RECORDS SHOWN:
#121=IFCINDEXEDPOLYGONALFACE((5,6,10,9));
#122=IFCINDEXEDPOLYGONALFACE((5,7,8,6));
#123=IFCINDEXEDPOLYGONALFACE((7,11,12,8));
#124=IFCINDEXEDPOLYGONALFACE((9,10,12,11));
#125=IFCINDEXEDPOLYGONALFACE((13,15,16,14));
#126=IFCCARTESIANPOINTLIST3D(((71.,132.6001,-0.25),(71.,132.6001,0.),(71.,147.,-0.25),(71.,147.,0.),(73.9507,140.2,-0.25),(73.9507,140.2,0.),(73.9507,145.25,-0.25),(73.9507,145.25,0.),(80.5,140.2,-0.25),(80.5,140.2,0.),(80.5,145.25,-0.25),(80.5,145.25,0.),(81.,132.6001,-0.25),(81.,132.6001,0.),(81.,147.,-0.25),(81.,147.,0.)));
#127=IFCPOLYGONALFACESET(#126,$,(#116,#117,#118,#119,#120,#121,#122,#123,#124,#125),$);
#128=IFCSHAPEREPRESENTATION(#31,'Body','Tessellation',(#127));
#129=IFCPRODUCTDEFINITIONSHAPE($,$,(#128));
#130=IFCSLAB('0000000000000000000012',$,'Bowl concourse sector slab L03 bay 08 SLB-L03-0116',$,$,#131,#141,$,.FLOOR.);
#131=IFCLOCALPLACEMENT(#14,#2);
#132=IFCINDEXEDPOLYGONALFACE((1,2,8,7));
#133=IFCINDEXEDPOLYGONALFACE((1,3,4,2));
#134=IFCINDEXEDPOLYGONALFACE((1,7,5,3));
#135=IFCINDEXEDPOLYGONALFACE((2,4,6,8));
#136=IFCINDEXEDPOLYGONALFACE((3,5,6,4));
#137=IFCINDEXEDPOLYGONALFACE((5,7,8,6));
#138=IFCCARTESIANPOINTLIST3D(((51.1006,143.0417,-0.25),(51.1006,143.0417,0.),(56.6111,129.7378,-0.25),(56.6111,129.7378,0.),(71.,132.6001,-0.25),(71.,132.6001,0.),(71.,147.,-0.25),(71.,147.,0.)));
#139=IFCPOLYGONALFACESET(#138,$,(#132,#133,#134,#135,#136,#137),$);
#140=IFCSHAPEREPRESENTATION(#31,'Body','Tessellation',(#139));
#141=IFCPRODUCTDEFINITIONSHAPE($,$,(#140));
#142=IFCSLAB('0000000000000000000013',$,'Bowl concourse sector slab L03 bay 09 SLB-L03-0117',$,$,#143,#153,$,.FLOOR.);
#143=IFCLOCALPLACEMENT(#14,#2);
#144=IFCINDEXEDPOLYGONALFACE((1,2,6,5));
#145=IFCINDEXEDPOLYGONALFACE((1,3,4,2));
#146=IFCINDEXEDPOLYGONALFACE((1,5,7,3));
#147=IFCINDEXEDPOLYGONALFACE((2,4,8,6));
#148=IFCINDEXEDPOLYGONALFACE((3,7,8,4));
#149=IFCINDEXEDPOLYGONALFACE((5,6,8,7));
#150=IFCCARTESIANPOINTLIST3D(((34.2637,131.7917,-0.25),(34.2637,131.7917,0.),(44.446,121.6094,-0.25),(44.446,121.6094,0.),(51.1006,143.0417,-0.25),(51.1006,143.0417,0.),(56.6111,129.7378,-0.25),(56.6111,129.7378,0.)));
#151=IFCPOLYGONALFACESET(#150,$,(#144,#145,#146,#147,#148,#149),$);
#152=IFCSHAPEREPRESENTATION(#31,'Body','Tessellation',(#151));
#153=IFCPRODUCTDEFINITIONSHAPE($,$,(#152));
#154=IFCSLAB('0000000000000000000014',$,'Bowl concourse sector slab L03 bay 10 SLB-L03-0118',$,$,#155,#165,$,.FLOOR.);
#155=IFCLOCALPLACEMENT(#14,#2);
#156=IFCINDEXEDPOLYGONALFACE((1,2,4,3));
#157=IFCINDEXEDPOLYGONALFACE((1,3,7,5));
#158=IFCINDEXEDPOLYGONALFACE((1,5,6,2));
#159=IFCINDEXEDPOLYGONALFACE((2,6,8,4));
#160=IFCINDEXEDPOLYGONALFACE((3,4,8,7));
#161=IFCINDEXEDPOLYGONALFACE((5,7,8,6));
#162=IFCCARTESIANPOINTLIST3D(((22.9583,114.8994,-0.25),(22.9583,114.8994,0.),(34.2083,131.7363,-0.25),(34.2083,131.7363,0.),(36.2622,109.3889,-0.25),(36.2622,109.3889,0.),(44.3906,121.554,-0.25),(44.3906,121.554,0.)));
--
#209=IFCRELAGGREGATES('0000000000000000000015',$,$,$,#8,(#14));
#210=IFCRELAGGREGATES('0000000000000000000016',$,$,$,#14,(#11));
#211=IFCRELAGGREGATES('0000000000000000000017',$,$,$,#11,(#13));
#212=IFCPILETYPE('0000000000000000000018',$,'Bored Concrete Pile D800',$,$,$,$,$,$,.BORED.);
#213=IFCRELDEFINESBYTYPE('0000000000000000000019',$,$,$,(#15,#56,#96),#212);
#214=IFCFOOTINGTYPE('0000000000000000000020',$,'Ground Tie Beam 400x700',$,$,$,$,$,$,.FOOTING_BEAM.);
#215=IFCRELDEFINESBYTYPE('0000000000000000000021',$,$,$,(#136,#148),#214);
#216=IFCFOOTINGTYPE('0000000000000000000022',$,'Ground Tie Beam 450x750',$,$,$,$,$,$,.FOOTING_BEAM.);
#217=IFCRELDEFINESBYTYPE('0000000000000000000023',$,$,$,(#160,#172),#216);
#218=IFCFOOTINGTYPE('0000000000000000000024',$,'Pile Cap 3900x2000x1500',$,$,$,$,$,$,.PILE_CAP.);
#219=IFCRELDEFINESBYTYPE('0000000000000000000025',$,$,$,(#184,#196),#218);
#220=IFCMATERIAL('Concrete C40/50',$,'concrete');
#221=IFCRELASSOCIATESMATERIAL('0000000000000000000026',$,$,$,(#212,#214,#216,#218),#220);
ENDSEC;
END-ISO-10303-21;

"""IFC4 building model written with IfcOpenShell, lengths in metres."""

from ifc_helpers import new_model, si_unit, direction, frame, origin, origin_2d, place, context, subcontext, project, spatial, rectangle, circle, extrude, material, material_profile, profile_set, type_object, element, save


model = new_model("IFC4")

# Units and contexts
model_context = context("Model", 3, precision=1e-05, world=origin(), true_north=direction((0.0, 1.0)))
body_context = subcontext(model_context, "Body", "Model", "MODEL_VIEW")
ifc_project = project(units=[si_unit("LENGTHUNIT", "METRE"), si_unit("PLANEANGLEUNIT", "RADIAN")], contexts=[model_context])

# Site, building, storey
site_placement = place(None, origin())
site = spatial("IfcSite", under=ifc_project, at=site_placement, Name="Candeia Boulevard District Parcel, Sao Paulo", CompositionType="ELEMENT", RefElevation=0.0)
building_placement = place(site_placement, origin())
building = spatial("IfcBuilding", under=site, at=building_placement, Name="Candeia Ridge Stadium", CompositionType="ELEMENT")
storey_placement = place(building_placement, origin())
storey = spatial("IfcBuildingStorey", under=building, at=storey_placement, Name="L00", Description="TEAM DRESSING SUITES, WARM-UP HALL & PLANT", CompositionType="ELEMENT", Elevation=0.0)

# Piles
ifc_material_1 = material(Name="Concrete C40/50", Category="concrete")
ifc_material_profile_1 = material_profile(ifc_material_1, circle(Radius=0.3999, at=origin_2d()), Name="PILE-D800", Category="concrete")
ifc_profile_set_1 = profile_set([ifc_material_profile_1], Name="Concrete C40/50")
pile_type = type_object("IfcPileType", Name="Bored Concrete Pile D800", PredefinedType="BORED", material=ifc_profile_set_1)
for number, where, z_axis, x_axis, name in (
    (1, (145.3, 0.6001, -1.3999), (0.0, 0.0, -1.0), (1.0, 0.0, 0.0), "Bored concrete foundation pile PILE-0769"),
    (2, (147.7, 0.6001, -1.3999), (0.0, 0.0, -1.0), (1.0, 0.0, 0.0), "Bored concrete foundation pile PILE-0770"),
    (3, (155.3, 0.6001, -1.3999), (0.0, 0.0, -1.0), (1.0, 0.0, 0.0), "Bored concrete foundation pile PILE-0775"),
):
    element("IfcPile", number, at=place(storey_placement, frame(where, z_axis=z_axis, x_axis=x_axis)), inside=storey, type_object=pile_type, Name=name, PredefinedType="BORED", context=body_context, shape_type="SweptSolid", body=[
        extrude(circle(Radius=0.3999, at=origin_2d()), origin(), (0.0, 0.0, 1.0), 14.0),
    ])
* * *
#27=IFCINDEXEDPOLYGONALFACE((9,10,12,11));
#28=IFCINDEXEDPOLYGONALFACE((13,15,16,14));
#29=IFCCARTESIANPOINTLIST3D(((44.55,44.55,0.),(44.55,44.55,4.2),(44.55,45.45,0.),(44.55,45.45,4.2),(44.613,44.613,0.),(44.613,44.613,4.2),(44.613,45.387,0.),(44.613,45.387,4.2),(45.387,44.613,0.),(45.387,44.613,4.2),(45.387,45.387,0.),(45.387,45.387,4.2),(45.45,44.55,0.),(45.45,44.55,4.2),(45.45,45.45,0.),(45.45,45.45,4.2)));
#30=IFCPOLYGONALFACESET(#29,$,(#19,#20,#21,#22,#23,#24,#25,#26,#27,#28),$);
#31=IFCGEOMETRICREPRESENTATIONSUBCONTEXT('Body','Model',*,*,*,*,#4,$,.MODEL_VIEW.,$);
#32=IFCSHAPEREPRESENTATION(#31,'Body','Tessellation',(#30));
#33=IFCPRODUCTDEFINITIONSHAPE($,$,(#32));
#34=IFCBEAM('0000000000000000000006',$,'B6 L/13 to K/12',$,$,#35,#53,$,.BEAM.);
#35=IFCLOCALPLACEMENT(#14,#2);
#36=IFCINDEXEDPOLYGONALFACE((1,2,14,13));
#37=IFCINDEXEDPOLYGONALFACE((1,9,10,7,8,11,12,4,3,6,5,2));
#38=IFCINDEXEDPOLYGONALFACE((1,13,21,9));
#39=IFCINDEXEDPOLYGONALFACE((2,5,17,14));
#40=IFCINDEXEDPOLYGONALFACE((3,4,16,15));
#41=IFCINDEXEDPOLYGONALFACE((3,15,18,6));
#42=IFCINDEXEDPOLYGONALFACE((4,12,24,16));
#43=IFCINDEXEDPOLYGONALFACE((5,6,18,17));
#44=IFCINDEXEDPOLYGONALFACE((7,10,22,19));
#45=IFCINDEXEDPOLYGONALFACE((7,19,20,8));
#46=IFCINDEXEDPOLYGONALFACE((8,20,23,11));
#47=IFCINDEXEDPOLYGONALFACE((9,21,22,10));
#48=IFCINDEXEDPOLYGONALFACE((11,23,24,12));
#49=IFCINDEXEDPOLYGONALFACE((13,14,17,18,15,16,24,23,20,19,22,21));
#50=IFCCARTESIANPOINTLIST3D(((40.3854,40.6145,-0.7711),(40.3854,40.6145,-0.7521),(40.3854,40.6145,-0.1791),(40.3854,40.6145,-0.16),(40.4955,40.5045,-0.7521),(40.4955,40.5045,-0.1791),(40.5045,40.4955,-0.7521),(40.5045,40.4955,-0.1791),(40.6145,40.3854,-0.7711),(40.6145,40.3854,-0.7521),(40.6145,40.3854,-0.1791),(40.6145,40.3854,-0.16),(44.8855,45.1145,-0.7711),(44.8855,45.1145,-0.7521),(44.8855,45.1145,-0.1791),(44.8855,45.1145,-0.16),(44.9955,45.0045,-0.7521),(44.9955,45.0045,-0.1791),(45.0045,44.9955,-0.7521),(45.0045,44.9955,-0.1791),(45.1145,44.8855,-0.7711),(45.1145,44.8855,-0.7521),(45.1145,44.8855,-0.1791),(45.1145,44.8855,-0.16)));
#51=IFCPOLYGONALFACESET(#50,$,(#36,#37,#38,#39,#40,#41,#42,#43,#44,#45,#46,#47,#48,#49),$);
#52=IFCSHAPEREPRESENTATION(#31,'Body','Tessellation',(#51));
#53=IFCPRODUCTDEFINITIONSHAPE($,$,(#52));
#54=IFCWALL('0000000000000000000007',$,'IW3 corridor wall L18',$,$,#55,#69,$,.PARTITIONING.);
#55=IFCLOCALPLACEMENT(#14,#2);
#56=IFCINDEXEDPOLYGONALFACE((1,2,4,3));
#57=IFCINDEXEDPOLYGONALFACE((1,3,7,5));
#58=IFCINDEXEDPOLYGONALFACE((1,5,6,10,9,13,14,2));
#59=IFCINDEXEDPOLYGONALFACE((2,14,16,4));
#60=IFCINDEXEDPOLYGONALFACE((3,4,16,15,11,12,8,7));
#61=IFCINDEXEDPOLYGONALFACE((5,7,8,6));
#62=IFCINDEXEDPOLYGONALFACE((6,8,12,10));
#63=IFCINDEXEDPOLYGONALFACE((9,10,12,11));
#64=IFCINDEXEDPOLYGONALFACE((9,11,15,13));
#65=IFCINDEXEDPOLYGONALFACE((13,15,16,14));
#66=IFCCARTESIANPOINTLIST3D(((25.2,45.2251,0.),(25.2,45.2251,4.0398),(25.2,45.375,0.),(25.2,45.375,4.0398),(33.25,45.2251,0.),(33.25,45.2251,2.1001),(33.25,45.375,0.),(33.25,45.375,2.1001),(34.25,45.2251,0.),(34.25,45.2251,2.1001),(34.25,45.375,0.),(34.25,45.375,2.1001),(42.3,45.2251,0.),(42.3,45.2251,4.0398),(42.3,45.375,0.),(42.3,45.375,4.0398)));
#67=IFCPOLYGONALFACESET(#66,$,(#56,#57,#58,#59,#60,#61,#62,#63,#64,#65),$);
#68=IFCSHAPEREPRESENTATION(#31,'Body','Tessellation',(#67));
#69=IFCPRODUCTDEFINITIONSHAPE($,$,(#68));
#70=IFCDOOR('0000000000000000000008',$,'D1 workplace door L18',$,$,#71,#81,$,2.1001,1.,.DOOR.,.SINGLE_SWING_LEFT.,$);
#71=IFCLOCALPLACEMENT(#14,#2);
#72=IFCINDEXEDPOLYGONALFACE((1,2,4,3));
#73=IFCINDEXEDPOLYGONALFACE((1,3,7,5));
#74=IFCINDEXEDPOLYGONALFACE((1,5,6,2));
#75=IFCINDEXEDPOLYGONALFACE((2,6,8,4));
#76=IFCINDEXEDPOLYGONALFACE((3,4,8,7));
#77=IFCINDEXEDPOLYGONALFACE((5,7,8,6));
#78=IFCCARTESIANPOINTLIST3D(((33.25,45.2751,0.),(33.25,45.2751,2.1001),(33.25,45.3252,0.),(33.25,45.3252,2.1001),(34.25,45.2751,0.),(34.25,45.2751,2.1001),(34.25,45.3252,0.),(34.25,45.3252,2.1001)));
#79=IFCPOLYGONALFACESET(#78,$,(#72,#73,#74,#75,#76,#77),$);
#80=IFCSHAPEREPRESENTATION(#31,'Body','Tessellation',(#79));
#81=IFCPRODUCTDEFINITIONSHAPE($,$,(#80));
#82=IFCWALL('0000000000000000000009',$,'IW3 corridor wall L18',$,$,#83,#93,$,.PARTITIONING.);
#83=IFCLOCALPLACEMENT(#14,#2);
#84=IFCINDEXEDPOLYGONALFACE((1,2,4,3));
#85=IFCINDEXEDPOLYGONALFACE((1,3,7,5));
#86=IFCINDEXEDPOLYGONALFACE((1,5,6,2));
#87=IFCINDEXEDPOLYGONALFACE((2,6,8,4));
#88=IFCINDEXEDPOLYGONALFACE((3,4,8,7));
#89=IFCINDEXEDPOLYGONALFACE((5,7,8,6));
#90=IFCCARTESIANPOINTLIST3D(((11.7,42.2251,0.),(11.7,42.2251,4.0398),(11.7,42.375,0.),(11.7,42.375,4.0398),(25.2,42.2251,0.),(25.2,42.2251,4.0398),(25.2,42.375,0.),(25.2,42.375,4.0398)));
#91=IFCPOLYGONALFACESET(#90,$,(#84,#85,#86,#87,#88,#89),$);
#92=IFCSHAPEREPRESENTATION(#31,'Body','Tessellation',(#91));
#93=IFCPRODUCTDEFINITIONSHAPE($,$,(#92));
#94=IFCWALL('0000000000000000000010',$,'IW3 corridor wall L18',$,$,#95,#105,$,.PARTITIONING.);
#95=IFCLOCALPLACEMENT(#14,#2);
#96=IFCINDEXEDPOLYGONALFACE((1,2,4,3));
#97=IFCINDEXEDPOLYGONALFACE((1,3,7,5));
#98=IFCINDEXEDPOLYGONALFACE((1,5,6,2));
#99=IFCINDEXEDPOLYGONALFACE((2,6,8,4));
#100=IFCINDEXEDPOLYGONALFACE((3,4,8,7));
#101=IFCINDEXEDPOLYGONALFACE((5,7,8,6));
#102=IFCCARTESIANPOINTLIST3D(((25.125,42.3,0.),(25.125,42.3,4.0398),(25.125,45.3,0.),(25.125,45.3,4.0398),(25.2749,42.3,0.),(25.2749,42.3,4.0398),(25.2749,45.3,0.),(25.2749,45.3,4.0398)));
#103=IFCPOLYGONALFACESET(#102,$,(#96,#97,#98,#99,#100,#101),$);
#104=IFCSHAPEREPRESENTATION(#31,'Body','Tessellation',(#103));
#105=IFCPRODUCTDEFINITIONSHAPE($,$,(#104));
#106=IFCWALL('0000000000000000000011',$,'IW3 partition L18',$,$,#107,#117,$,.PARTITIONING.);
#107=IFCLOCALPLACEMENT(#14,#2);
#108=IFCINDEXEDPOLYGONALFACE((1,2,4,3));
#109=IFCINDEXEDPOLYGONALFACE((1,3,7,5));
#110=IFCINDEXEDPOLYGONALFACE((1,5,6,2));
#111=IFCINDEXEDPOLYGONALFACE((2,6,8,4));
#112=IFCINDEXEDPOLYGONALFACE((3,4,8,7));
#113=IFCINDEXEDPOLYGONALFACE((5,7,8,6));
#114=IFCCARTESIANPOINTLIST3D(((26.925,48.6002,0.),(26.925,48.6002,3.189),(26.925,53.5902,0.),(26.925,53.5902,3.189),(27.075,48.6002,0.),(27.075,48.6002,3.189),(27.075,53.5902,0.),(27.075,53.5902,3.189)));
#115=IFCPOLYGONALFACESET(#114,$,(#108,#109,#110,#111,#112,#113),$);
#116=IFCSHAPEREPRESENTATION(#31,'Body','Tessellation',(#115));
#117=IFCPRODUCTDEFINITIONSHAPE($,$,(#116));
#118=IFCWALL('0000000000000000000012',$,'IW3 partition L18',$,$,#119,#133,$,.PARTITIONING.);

GOAL OF THE EXERCISE: In the entries above, find the line with "#52=IFCSHAPEREPRESENTATION(#31,'Body','Tessellation',(#51));" and the line with "#56=IFCINDEXEDPOLYGONALFACE((1,2,4,3));", then restate word for word both of them and every line between, with nothing more.

ANSWER FOR THIS EXERCISE:
#52=IFCSHAPEREPRESENTATION(#31,'Body','Tessellation',(#51));
#53=IFCPRODUCTDEFINITIONSHAPE($,$,(#52));
#54=IFCWALL('0000000000000000000007',$,'IW3 corridor wall L18',$,$,#55,#69,$,.PARTITIONING.);
#55=IFCLOCALPLACEMENT(#14,#2);
#56=IFCINDEXEDPOLYGONALFACE((1,2,4,3));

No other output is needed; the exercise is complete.